⟨

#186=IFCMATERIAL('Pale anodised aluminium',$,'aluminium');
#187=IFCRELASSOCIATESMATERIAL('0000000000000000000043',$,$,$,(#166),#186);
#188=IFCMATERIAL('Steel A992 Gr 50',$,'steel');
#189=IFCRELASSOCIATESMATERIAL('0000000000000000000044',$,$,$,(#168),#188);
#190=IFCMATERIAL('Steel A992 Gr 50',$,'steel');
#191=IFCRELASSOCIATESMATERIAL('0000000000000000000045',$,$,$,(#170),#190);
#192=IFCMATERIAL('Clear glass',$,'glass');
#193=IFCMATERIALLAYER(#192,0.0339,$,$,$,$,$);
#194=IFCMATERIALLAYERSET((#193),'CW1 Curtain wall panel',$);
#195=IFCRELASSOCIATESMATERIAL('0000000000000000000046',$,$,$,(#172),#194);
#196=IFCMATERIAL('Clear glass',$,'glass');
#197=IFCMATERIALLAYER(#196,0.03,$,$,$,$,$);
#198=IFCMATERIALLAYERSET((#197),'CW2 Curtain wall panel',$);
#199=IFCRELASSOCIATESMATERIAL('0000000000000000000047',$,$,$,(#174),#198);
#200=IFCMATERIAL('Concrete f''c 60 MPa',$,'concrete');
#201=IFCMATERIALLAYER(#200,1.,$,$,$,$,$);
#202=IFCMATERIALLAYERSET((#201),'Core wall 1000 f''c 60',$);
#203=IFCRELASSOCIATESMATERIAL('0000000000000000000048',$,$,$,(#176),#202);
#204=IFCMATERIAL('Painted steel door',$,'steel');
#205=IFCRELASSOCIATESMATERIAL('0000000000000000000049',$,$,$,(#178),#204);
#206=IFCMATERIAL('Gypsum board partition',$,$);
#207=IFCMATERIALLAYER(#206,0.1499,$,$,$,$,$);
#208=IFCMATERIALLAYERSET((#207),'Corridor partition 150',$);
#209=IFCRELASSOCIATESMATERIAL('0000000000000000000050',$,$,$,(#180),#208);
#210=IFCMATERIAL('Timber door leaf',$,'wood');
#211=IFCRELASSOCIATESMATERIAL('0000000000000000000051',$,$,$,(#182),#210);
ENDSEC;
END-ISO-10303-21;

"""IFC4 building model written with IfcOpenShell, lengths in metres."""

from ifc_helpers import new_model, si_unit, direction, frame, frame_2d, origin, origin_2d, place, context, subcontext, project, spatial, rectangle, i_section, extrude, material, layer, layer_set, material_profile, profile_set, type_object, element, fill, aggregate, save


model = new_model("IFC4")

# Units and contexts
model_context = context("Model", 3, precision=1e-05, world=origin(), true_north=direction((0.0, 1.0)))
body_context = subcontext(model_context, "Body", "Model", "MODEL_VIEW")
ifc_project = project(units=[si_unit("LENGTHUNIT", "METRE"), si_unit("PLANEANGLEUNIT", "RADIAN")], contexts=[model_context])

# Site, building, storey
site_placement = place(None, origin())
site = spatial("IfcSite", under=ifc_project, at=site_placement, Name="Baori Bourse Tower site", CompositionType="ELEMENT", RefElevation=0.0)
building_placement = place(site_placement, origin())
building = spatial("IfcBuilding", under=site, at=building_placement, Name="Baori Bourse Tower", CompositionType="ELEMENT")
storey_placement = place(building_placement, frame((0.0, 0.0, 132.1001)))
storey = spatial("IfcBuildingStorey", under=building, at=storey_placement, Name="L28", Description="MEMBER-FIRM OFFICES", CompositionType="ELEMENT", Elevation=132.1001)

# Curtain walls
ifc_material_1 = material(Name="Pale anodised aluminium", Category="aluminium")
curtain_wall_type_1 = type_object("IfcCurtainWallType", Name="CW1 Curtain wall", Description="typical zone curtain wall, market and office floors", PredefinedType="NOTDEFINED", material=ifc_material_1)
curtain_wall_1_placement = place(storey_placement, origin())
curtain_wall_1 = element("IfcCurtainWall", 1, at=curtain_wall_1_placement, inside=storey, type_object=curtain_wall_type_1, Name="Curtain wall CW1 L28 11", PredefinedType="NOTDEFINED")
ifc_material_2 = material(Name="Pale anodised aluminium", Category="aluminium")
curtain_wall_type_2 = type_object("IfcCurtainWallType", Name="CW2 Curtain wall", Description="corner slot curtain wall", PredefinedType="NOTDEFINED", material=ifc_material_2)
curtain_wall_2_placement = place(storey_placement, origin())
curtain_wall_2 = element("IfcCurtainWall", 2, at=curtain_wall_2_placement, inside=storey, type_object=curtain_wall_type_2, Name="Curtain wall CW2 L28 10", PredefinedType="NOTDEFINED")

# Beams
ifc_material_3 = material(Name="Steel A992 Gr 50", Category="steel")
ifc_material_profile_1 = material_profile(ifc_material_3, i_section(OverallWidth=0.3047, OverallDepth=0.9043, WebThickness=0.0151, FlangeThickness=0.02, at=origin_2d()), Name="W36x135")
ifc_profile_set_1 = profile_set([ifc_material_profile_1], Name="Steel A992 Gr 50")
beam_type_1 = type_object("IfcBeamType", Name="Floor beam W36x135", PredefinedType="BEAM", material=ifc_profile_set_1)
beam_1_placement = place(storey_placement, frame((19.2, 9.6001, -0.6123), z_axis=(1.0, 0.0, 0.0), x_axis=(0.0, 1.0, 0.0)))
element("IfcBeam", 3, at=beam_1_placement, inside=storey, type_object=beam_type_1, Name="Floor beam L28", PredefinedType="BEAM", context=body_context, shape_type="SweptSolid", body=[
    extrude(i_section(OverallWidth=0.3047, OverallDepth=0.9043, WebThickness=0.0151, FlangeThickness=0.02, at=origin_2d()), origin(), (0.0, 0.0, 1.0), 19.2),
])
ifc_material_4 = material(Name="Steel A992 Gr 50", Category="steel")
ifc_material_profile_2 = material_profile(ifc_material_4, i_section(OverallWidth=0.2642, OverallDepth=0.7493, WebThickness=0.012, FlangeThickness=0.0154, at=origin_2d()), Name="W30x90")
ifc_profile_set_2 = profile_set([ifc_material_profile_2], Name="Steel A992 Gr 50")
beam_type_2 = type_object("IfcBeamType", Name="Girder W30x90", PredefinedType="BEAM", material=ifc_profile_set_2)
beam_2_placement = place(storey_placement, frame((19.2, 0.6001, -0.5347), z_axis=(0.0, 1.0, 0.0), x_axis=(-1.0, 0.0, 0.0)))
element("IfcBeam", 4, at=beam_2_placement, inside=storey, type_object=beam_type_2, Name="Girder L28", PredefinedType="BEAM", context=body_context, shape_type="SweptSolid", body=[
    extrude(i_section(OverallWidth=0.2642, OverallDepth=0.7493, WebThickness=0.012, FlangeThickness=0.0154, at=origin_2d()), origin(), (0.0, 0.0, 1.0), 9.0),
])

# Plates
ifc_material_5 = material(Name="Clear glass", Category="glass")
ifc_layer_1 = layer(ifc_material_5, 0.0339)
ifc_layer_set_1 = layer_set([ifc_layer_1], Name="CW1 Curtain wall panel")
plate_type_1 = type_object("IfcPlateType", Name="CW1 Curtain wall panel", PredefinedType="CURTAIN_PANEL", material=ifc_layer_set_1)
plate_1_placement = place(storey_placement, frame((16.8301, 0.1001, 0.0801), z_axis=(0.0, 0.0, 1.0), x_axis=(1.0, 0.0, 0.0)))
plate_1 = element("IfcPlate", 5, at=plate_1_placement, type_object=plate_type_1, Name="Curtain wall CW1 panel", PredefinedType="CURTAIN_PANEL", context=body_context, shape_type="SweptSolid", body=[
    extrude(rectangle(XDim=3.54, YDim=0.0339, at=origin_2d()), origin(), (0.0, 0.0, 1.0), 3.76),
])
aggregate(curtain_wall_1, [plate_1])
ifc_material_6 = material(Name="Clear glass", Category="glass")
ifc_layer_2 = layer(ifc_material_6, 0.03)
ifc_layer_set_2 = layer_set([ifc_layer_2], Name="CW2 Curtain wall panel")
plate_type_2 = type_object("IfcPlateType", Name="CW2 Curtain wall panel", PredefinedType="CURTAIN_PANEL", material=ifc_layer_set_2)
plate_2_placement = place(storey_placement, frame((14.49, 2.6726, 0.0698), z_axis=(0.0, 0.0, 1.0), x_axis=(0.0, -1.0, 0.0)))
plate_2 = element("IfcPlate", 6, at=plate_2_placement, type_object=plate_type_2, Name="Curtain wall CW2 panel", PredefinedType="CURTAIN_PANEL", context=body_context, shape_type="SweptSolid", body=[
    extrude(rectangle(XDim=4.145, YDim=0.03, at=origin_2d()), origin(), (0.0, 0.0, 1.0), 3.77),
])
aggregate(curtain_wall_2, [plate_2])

⟩
⟨

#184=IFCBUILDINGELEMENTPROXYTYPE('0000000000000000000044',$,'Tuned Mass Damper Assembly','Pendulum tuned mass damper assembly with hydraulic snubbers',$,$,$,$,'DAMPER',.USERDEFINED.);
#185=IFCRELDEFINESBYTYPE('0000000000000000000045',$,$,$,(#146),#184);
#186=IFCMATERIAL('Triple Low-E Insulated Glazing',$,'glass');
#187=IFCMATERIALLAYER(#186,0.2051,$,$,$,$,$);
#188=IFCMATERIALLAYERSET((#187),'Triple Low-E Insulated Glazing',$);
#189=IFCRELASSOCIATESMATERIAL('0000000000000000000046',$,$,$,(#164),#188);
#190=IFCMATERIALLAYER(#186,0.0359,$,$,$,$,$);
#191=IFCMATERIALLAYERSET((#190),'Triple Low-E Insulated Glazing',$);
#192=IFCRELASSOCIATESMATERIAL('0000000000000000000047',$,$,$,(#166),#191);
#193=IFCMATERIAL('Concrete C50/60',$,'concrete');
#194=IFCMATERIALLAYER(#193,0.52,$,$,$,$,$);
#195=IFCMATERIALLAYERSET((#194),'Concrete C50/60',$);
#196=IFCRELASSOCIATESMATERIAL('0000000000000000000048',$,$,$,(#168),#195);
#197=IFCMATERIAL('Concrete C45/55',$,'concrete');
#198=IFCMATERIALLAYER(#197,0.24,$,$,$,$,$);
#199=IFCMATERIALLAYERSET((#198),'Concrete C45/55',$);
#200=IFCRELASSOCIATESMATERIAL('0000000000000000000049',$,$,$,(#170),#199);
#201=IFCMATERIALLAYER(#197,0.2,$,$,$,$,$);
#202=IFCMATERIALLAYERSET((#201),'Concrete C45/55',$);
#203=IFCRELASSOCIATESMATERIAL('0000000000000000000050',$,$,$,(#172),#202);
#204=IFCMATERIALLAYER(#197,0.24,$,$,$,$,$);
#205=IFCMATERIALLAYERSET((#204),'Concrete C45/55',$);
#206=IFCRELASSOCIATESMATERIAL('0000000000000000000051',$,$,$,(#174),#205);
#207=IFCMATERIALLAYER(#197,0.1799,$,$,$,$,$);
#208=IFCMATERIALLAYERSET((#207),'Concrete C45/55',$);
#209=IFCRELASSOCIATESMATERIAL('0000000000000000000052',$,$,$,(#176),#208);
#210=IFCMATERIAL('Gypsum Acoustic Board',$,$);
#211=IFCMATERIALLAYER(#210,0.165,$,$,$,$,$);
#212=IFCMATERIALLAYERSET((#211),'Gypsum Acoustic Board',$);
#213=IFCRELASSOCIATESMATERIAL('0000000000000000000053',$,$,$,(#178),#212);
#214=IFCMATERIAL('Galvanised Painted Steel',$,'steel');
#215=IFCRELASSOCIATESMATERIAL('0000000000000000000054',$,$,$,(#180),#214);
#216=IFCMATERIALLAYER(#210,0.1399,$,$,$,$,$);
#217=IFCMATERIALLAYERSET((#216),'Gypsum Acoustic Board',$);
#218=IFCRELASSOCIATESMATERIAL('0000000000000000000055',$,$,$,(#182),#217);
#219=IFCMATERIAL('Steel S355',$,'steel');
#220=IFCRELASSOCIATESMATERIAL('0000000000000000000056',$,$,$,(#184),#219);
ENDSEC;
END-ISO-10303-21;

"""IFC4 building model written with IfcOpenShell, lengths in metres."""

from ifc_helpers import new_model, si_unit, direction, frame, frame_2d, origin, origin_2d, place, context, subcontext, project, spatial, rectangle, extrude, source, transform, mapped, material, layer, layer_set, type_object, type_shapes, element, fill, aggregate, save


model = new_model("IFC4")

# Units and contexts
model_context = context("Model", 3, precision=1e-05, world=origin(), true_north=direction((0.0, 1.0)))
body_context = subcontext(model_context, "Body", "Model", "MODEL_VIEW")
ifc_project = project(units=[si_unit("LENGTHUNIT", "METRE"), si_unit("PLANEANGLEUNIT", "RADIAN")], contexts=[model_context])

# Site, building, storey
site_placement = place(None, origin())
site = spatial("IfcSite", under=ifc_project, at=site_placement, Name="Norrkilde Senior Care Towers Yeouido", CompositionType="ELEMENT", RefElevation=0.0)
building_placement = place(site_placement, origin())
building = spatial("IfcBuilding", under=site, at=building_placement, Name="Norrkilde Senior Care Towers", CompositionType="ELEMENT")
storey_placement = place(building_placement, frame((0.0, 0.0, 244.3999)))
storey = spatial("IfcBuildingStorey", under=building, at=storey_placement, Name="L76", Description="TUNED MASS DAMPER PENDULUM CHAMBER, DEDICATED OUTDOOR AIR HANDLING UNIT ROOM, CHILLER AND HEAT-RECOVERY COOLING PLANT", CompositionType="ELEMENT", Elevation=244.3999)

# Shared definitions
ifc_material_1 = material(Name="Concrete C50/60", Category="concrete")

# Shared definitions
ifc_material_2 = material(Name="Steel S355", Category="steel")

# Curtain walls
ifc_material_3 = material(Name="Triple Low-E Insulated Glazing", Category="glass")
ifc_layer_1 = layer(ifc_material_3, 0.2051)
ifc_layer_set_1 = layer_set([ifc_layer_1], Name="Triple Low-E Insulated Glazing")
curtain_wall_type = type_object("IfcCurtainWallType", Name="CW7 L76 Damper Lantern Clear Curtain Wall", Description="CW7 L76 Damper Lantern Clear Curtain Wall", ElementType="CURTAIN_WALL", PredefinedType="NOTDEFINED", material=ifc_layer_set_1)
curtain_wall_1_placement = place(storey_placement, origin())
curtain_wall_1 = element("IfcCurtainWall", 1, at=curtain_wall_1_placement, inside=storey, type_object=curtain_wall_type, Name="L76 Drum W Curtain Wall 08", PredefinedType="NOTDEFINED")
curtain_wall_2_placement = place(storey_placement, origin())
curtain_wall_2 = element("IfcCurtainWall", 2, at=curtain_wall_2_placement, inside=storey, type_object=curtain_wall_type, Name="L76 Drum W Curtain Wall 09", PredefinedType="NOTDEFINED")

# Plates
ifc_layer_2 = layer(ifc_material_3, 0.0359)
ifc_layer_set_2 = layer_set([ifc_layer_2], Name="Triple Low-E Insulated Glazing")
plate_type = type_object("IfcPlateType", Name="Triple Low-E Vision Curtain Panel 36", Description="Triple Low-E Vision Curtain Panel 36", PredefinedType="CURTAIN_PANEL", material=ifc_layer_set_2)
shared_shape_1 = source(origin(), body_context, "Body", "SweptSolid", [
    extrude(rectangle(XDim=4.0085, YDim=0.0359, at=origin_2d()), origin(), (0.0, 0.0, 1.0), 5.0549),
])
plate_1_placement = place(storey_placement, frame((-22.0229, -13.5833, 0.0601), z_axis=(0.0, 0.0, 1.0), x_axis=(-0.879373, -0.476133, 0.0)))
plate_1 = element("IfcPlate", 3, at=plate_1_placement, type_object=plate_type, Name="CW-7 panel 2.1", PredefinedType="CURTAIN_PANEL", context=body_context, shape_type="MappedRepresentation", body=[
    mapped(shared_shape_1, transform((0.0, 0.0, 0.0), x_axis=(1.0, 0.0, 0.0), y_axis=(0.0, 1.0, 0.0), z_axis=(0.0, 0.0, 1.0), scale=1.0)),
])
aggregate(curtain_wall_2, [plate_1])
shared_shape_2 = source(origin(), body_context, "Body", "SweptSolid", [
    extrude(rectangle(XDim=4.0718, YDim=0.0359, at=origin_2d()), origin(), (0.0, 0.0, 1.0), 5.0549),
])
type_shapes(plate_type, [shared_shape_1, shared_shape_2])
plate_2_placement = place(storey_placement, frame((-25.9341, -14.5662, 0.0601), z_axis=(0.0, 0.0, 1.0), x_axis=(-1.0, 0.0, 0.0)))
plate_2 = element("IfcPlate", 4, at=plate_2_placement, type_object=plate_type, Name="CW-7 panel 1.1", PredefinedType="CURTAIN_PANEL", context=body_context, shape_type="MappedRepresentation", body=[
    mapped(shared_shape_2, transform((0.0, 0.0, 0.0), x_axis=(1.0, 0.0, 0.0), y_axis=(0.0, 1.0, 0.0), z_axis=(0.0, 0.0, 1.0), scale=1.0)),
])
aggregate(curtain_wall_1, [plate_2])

⟩
⟨

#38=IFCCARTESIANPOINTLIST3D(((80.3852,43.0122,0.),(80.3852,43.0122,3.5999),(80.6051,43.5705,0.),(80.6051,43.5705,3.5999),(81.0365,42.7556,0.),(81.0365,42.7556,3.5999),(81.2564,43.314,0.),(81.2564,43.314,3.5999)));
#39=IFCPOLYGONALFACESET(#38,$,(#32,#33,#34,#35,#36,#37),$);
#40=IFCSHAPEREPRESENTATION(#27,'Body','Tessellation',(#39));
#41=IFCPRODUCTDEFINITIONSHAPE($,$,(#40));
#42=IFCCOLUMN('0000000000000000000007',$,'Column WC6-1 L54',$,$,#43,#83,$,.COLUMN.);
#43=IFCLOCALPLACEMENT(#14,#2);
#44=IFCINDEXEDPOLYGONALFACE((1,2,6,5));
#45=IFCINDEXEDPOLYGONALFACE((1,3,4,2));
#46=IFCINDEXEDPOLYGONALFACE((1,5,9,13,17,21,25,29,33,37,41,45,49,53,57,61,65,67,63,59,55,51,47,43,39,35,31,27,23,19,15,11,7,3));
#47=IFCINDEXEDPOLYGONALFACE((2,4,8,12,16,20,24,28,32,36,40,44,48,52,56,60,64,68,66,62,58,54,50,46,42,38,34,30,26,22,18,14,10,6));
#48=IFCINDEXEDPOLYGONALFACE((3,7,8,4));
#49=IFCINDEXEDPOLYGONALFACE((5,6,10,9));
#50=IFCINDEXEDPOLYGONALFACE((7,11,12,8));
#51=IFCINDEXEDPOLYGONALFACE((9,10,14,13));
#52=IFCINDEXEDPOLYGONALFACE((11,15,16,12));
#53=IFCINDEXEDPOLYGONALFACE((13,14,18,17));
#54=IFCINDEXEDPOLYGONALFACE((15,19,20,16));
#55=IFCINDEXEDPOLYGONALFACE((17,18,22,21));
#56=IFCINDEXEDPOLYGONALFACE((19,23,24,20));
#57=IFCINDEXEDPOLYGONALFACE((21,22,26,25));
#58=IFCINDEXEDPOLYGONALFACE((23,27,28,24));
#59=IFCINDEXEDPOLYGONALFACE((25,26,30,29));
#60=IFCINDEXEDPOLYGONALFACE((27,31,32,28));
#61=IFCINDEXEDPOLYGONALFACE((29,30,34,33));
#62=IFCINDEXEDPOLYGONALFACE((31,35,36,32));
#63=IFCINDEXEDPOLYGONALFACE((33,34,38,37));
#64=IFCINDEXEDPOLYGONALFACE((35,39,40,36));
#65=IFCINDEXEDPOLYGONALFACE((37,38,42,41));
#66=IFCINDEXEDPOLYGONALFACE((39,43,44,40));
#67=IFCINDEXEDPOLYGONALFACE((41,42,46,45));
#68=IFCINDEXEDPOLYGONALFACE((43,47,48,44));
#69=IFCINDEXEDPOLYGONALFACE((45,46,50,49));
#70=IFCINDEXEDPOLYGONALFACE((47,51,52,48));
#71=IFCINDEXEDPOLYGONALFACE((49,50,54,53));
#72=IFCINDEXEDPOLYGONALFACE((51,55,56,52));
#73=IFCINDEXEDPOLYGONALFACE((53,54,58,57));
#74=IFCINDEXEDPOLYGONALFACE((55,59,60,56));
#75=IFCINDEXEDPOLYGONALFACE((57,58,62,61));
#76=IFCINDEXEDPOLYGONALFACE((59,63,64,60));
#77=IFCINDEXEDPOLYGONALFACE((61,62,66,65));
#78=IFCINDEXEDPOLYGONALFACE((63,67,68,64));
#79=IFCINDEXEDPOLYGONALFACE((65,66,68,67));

⟩

Read each line of the data and count the ones that include "glass", answering with the number alone.

• **Result**
6